**Required work**.
When you find the line with "#117=IFCINDEXEDPOLYGONALFACE((1,3,7,5));" among the records below, reproduce it and each line after it exactly, ending with the line with "#26=IFCINDEXEDPOLYGONALFACE((6,8,12,10));".

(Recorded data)
┌──

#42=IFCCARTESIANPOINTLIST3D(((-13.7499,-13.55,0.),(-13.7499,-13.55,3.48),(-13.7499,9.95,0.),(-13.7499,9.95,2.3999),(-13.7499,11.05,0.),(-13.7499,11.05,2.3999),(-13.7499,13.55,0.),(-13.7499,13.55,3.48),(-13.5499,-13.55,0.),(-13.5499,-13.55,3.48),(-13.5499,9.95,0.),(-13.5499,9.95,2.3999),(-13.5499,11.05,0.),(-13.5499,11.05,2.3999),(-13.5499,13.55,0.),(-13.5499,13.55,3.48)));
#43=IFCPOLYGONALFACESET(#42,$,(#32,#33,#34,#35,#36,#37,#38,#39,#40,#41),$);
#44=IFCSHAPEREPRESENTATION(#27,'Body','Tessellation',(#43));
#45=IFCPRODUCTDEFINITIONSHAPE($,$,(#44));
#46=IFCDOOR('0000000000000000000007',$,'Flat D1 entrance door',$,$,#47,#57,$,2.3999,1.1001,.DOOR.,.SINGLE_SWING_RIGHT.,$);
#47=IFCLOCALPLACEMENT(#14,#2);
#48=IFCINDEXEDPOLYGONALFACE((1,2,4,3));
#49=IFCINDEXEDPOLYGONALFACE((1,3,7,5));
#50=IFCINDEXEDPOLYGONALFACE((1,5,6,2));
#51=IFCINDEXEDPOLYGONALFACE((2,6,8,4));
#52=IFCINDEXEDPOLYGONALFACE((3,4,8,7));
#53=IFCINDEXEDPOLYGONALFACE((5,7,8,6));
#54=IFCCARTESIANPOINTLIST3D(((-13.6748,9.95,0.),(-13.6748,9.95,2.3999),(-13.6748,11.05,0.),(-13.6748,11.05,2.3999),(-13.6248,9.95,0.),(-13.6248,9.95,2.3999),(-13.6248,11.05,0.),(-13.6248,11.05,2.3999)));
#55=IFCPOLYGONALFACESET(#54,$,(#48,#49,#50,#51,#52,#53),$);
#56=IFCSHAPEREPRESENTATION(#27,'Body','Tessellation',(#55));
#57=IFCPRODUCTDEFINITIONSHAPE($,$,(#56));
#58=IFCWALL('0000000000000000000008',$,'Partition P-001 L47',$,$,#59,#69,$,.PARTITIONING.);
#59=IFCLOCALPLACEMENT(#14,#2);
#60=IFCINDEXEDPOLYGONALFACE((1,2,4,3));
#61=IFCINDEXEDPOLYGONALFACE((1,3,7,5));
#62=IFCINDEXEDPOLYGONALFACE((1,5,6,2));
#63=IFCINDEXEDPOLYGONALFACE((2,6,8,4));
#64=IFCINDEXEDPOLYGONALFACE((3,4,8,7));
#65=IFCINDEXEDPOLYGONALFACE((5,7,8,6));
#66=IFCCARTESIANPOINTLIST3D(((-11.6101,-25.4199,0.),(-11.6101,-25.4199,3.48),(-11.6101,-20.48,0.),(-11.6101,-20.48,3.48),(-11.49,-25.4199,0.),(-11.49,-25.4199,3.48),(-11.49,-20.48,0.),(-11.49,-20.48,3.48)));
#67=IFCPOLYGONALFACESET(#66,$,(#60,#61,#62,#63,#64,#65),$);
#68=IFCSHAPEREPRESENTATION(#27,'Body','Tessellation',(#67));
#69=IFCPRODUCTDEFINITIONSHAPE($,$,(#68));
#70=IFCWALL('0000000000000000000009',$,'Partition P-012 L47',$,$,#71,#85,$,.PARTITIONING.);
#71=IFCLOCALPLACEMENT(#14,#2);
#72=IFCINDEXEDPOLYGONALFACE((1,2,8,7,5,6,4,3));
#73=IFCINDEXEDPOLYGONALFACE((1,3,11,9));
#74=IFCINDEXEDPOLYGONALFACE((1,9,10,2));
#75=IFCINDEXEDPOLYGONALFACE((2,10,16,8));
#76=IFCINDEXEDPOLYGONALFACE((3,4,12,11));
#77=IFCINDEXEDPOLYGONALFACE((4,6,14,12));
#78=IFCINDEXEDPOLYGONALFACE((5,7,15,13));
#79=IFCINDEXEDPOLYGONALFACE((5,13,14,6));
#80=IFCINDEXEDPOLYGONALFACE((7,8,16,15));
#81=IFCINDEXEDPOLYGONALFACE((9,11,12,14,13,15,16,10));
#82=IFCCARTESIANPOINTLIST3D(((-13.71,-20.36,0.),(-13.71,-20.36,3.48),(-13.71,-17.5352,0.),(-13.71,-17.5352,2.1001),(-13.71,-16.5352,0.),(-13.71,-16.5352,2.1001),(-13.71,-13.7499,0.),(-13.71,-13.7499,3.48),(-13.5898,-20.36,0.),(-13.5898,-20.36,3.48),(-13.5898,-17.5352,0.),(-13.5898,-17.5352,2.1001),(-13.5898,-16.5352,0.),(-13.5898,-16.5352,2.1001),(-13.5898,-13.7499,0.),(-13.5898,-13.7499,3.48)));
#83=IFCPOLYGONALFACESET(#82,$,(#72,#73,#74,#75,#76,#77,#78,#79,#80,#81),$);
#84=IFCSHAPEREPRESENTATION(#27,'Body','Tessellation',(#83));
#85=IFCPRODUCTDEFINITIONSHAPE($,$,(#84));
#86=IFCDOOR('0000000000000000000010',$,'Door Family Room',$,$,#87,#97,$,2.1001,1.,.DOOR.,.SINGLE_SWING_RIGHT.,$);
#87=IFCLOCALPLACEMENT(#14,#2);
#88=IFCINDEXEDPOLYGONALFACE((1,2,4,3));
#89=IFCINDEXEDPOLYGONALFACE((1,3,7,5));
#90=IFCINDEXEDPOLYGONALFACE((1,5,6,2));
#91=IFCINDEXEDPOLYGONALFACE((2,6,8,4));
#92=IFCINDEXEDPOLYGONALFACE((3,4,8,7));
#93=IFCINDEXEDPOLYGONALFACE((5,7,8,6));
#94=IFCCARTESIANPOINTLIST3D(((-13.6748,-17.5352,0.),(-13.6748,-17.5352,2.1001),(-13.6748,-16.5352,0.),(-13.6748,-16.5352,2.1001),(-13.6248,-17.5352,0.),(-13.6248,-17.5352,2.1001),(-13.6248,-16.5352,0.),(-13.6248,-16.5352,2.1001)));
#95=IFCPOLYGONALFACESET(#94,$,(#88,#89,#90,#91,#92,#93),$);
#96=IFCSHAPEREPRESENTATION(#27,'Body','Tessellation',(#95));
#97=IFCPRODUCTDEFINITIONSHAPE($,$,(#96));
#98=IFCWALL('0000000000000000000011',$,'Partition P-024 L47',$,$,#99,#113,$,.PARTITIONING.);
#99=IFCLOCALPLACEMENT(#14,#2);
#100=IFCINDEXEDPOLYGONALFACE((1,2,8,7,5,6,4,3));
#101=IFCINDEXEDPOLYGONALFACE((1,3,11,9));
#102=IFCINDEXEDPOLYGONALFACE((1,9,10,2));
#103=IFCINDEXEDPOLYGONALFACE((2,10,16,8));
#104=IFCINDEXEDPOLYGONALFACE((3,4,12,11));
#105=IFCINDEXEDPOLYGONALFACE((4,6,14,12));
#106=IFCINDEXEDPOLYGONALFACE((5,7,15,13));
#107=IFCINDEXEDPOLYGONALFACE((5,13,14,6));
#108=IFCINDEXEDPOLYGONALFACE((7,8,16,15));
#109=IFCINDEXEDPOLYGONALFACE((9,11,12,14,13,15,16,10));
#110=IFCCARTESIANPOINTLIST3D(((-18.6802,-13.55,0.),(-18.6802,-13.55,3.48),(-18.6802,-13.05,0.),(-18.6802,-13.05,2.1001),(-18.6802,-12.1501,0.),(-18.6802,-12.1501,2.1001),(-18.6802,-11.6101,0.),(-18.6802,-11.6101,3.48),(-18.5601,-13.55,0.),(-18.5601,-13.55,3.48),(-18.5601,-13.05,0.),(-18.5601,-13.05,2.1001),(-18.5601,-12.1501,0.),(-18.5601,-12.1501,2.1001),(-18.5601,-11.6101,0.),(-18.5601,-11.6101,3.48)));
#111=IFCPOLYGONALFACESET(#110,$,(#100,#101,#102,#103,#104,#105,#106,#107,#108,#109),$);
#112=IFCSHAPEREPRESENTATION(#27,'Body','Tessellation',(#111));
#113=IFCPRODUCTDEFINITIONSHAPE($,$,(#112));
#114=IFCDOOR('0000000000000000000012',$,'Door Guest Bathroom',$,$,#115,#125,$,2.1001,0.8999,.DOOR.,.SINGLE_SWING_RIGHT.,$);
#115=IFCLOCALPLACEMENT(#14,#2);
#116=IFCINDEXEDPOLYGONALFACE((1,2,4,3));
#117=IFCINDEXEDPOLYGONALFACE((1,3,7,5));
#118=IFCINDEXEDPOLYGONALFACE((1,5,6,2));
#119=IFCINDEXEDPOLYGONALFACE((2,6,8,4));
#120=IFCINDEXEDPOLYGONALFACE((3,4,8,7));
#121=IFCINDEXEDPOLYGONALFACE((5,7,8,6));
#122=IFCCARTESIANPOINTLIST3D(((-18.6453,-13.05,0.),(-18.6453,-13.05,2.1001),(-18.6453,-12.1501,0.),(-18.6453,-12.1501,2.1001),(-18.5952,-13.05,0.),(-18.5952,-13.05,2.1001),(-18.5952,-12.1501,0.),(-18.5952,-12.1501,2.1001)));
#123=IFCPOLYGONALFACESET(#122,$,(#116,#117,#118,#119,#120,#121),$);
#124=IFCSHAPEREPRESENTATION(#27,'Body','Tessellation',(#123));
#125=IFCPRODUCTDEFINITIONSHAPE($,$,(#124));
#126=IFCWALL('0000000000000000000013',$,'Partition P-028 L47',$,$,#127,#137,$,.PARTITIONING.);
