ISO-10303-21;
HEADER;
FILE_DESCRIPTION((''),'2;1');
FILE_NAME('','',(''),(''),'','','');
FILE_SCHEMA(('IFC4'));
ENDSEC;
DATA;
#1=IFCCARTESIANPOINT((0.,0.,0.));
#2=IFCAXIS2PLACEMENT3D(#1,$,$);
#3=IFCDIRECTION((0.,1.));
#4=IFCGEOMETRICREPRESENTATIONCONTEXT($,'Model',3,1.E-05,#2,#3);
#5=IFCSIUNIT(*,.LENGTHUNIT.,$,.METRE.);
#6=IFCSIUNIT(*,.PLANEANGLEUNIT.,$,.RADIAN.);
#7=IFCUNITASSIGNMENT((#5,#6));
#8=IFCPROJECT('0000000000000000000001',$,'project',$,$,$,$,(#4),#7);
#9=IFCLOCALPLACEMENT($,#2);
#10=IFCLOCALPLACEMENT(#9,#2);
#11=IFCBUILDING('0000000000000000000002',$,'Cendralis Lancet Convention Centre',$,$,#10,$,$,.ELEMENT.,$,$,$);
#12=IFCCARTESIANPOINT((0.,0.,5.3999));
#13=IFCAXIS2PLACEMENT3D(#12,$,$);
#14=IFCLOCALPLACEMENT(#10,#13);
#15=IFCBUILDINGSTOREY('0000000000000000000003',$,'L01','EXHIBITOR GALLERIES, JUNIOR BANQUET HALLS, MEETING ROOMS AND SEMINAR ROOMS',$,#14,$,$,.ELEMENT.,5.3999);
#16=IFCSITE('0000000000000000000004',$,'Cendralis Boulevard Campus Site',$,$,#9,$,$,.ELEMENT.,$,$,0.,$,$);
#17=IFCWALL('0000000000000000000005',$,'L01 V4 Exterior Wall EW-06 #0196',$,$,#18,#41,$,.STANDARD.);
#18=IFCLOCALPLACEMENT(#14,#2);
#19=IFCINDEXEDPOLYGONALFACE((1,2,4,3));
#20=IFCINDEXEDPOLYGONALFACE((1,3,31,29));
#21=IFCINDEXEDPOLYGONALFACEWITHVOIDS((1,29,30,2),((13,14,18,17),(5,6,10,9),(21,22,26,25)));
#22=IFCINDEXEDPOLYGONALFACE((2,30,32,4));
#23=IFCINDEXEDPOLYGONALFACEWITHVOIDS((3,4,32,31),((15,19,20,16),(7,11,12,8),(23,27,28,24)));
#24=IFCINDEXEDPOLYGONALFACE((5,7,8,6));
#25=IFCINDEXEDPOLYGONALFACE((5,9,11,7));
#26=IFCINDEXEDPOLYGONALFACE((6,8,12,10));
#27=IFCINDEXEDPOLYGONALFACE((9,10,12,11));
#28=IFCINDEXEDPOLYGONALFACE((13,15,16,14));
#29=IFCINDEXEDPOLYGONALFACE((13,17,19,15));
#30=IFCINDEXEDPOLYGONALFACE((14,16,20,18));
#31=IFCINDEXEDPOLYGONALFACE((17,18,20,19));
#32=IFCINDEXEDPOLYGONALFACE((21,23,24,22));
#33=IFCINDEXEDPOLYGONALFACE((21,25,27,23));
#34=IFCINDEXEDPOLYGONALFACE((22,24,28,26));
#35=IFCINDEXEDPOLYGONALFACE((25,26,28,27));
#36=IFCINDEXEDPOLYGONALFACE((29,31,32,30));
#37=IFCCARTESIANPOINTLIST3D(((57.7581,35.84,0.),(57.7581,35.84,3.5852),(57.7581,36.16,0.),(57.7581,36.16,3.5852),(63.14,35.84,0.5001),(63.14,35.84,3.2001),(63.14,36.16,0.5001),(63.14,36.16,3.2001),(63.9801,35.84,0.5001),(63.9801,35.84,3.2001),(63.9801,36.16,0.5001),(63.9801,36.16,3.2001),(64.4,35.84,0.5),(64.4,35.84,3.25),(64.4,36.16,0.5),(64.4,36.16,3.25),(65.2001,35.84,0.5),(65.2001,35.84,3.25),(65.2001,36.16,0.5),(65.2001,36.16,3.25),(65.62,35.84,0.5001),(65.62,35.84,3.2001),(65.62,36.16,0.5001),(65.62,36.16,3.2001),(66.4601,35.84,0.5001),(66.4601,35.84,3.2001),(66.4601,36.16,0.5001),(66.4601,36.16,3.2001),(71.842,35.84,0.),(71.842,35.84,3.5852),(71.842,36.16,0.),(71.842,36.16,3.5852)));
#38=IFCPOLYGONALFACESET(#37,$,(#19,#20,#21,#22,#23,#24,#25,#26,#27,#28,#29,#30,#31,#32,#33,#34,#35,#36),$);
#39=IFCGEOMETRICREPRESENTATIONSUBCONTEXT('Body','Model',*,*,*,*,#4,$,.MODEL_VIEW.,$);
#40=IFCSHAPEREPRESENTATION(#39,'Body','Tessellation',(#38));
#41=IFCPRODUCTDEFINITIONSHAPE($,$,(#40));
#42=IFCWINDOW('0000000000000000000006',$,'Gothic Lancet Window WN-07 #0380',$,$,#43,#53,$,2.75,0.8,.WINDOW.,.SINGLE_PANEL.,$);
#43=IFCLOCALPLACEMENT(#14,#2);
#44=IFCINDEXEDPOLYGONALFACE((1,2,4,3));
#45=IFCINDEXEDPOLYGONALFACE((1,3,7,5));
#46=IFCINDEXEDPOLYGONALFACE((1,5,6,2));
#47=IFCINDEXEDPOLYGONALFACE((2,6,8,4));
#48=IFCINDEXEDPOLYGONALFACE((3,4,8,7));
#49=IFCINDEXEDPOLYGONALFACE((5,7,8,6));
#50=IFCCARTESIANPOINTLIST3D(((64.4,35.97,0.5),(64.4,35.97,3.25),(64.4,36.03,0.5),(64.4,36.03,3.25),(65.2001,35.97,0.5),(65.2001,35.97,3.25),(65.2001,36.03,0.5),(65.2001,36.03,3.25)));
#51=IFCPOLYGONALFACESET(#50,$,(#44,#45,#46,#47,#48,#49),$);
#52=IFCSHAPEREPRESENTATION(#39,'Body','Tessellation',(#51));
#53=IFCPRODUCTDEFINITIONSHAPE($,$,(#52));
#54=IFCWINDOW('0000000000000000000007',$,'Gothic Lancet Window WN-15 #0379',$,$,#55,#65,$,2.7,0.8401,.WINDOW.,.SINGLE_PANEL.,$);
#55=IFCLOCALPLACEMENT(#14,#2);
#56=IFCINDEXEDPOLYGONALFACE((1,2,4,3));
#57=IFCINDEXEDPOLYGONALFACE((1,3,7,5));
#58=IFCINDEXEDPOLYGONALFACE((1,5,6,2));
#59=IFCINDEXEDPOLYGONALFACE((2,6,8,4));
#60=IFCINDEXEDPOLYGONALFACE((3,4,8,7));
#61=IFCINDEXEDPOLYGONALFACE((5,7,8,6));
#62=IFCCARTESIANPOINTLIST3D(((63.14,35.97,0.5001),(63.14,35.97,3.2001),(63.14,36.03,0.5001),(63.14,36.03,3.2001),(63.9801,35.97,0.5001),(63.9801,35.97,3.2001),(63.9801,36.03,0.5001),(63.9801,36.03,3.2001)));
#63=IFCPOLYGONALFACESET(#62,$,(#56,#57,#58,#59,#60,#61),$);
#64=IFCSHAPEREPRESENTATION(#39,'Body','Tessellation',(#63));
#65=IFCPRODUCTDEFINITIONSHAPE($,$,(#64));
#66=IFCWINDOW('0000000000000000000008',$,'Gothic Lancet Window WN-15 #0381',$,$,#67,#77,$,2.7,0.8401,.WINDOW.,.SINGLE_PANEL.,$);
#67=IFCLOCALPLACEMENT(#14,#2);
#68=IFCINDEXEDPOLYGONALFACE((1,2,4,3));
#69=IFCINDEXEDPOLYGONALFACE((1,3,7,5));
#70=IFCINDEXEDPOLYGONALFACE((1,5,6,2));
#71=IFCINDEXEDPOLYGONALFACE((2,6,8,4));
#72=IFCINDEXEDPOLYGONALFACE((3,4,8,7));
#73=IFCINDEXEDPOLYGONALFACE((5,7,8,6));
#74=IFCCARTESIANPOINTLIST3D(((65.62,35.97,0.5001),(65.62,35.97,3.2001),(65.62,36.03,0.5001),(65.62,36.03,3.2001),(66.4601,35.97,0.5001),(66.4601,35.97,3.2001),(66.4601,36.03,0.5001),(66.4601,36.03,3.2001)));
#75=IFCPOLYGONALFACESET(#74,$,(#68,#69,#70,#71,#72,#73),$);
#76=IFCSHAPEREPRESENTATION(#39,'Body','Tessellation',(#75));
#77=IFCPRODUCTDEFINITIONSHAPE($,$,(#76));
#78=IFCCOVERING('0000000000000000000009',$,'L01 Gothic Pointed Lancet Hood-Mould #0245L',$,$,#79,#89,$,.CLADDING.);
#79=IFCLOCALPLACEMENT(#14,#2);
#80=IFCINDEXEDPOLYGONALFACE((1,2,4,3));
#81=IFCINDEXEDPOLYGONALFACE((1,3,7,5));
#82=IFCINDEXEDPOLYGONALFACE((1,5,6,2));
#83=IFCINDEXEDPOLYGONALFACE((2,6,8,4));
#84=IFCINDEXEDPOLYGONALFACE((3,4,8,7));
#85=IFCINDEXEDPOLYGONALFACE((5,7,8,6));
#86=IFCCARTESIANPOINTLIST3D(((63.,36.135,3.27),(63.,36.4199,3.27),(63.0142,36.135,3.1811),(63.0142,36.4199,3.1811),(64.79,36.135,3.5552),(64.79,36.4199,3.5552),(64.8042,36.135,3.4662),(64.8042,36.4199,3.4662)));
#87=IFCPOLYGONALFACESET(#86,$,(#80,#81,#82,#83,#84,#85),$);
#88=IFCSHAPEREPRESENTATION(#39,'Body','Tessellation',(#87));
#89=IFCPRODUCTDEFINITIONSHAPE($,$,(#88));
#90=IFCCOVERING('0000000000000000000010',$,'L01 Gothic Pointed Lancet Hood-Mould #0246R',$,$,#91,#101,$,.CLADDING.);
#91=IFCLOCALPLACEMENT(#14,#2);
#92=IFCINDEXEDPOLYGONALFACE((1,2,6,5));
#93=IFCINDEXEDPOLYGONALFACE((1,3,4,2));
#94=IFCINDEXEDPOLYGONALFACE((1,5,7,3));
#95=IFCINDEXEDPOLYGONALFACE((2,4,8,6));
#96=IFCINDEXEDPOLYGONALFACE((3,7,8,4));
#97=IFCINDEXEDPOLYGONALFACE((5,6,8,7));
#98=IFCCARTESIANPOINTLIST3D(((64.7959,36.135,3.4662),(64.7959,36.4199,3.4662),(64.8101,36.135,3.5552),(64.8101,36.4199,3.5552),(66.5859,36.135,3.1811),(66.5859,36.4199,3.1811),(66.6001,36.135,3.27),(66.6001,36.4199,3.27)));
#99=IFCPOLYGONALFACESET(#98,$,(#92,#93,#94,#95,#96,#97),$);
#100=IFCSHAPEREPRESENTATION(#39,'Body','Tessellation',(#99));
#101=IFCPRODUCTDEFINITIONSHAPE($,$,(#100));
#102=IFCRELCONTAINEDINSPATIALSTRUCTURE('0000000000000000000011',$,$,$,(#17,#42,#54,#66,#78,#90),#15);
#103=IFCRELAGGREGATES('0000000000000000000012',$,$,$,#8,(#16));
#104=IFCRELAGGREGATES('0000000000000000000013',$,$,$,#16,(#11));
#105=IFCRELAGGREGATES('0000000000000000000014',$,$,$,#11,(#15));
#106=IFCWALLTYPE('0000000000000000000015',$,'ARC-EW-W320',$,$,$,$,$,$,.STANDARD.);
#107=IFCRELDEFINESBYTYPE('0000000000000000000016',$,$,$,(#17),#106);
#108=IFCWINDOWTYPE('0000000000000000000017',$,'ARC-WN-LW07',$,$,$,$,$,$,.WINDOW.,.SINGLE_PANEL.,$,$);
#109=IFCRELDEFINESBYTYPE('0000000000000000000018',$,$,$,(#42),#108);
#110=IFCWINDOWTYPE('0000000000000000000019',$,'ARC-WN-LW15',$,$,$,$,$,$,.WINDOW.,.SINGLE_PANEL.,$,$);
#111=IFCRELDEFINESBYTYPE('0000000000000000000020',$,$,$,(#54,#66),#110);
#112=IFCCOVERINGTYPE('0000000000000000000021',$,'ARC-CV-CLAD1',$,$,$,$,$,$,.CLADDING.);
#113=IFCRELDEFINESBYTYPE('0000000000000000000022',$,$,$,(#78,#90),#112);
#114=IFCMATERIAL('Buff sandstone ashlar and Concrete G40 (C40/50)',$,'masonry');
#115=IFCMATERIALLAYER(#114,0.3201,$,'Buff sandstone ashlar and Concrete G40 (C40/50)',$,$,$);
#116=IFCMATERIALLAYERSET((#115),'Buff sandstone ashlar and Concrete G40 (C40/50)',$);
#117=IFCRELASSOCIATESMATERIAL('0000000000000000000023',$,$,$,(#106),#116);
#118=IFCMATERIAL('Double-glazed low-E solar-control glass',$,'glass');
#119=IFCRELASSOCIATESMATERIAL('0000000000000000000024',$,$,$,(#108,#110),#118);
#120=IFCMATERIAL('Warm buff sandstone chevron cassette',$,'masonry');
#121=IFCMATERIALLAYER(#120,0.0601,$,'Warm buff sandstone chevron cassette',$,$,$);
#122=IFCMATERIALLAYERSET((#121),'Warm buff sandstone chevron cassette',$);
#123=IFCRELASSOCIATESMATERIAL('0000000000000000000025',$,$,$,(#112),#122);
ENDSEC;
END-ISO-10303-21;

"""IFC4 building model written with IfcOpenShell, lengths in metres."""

from ifc_helpers import new_model, si_unit, direction, frame, frame_2d, origin, place, context, subcontext, project, spatial, polyline, rectangle, outline, extrude, material, layer, layer_set, type_object, element, fill, save


model = new_model("IFC4")

# Units and contexts
model_context = context("Model", 3, precision=1e-05, world=origin(), true_north=direction((0.0, 1.0)))
body_context = subcontext(model_context, "Body", "Model", "MODEL_VIEW")
ifc_project = project(units=[si_unit("LENGTHUNIT", "METRE"), si_unit("PLANEANGLEUNIT", "RADIAN")], contexts=[model_context])

# Site, building, storey
site_placement = place(None, origin())
site = spatial("IfcSite", under=ifc_project, at=site_placement, Name="Cendralis Boulevard Campus Site", CompositionType="ELEMENT", RefElevation=0.0)
building_placement = place(site_placement, origin())
building = spatial("IfcBuilding", under=site, at=building_placement, Name="Cendralis Lancet Convention Centre", CompositionType="ELEMENT")
storey_placement = place(building_placement, frame((0.0, 0.0, 5.3999)))
storey = spatial("IfcBuildingStorey", under=building, at=storey_placement, Name="L01", Description="EXHIBITOR GALLERIES, JUNIOR BANQUET HALLS, MEETING ROOMS AND SEMINAR ROOMS", CompositionType="ELEMENT", Elevation=5.3999)

# Shared definitions
ifc_material_1 = material(Name="Double-glazed low-E solar-control glass", Category="glass")

# Wall, openings, windows
ifc_material_2 = material(Name="Buff sandstone ashlar and Concrete G40 (C40/50)", Category="masonry")
ifc_layer_1 = layer(ifc_material_2, 0.3201, Name="Buff sandstone ashlar and Concrete G40 (C40/50)")
ifc_layer_set_1 = layer_set([ifc_layer_1], Name="Buff sandstone ashlar and Concrete G40 (C40/50)")
wall_type = type_object("IfcWallType", Name="ARC-EW-W320", PredefinedType="STANDARD", material=ifc_layer_set_1)
wall_placement = place(storey_placement, frame((57.7581, 36.0, 0.0), z_axis=(0.0, 0.0, 1.0), x_axis=(1.0, 0.0, 0.0)))
wall = element("IfcWall", 1, at=wall_placement, inside=storey, type_object=wall_type, Name="L01 V4 Exterior Wall EW-06 #0196", PredefinedType="STANDARD", context=body_context, shape_type="SweptSolid", body=[
    extrude(rectangle(XDim=14.084, YDim=0.3201, at=frame_2d((7.042, 0.0))), origin(), (0.0, 0.0, 1.0), 3.5852),
])
opening_1_placement = place(wall_placement, frame((5.3821, 0.0, 0.5)))
opening_1 = element("IfcOpeningElement", 2, at=opening_1_placement, cuts=wall, PredefinedType="OPENING", context=body_context, shape_type="SweptSolid", body=[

└──

**Response below**.
#117=IFCINDEXEDPOLYGONALFACE((1,3,7,5));
#118=IFCINDEXEDPOLYGONALFACE((1,5,6,2));
#119=IFCINDEXEDPOLYGONALFACE((2,6,8,4));
#120=IFCINDEXEDPOLYGONALFACE((3,4,8,7));
#121=IFCINDEXEDPOLYGONALFACE((5,7,8,6));
#122=IFCCARTESIANPOINTLIST3D(((-18.6453,-13.05,0.),(-18.6453,-13.05,2.1001),(-18.6453,-12.1501,0.),(-18.6453,-12.1501,2.1001),(-18.5952,-13.05,0.),(-18.5952,-13.05,2.1001),(-18.5952,-12.1501,0.),(-18.5952,-12.1501,2.1001)));
#123=IFCPOLYGONALFACESET(#122,$,(#116,#117,#118,#119,#120,#121),$);
#124=IFCSHAPEREPRESENTATION(#27,'Body','Tessellation',(#123));
#125=IFCPRODUCTDEFINITIONSHAPE($,$,(#124));
#126=IFCWALL('0000000000000000000013',$,'Partition P-028 L47',$,$,#127,#137,$,.PARTITIONING.);
ISO-10303-21;
HEADER;
FILE_DESCRIPTION((''),'2;1');
FILE_NAME('','',(''),(''),'','','');
FILE_SCHEMA(('IFC4'));
ENDSEC;
DATA;
#1=IFCCARTESIANPOINT((0.,0.,0.));
#2=IFCAXIS2PLACEMENT3D(#1,$,$);
#3=IFCDIRECTION((0.,1.));
#4=IFCGEOMETRICREPRESENTATIONCONTEXT($,'Model',3,1.E-05,#2,#3);
#5=IFCSIUNIT(*,.LENGTHUNIT.,$,.METRE.);
#6=IFCSIUNIT(*,.PLANEANGLEUNIT.,$,.RADIAN.);
#7=IFCUNITASSIGNMENT((#5,#6));
#8=IFCPROJECT('0000000000000000000001',$,'project',$,$,$,$,(#4),#7);
#9=IFCLOCALPLACEMENT($,#2);
#10=IFCLOCALPLACEMENT(#9,#2);
#11=IFCBUILDING('0000000000000000000002',$,'Cendralis Lancet Convention Centre',$,$,#10,$,$,.ELEMENT.,$,$,$);
#12=IFCCARTESIANPOINT((0.,0.,5.3999));
#13=IFCAXIS2PLACEMENT3D(#12,$,$);
#14=IFCLOCALPLACEMENT(#10,#13);
#15=IFCBUILDINGSTOREY('0000000000000000000003',$,'L01','EXHIBITOR GALLERIES, JUNIOR BANQUET HALLS, MEETING ROOMS AND SEMINAR ROOMS',$,#14,$,$,.ELEMENT.,5.3999);
#16=IFCSITE('0000000000000000000004',$,'Cendralis Boulevard Campus Site',$,$,#9,$,$,.ELEMENT.,$,$,0.,$,$);
#17=IFCWALL('0000000000000000000005',$,'L01 V4 Exterior Wall EW-06 #0196',$,$,#18,#41,$,.STANDARD.);
#18=IFCLOCALPLACEMENT(#14,#2);
#19=IFCINDEXEDPOLYGONALFACE((1,2,4,3));
#20=IFCINDEXEDPOLYGONALFACE((1,3,31,29));
#21=IFCINDEXEDPOLYGONALFACEWITHVOIDS((1,29,30,2),((13,14,18,17),(5,6,10,9),(21,22,26,25)));
#22=IFCINDEXEDPOLYGONALFACE((2,30,32,4));
#23=IFCINDEXEDPOLYGONALFACEWITHVOIDS((3,4,32,31),((15,19,20,16),(7,11,12,8),(23,27,28,24)));
#24=IFCINDEXEDPOLYGONALFACE((5,7,8,6));
#25=IFCINDEXEDPOLYGONALFACE((5,9,11,7));
#26=IFCINDEXEDPOLYGONALFACE((6,8,12,10));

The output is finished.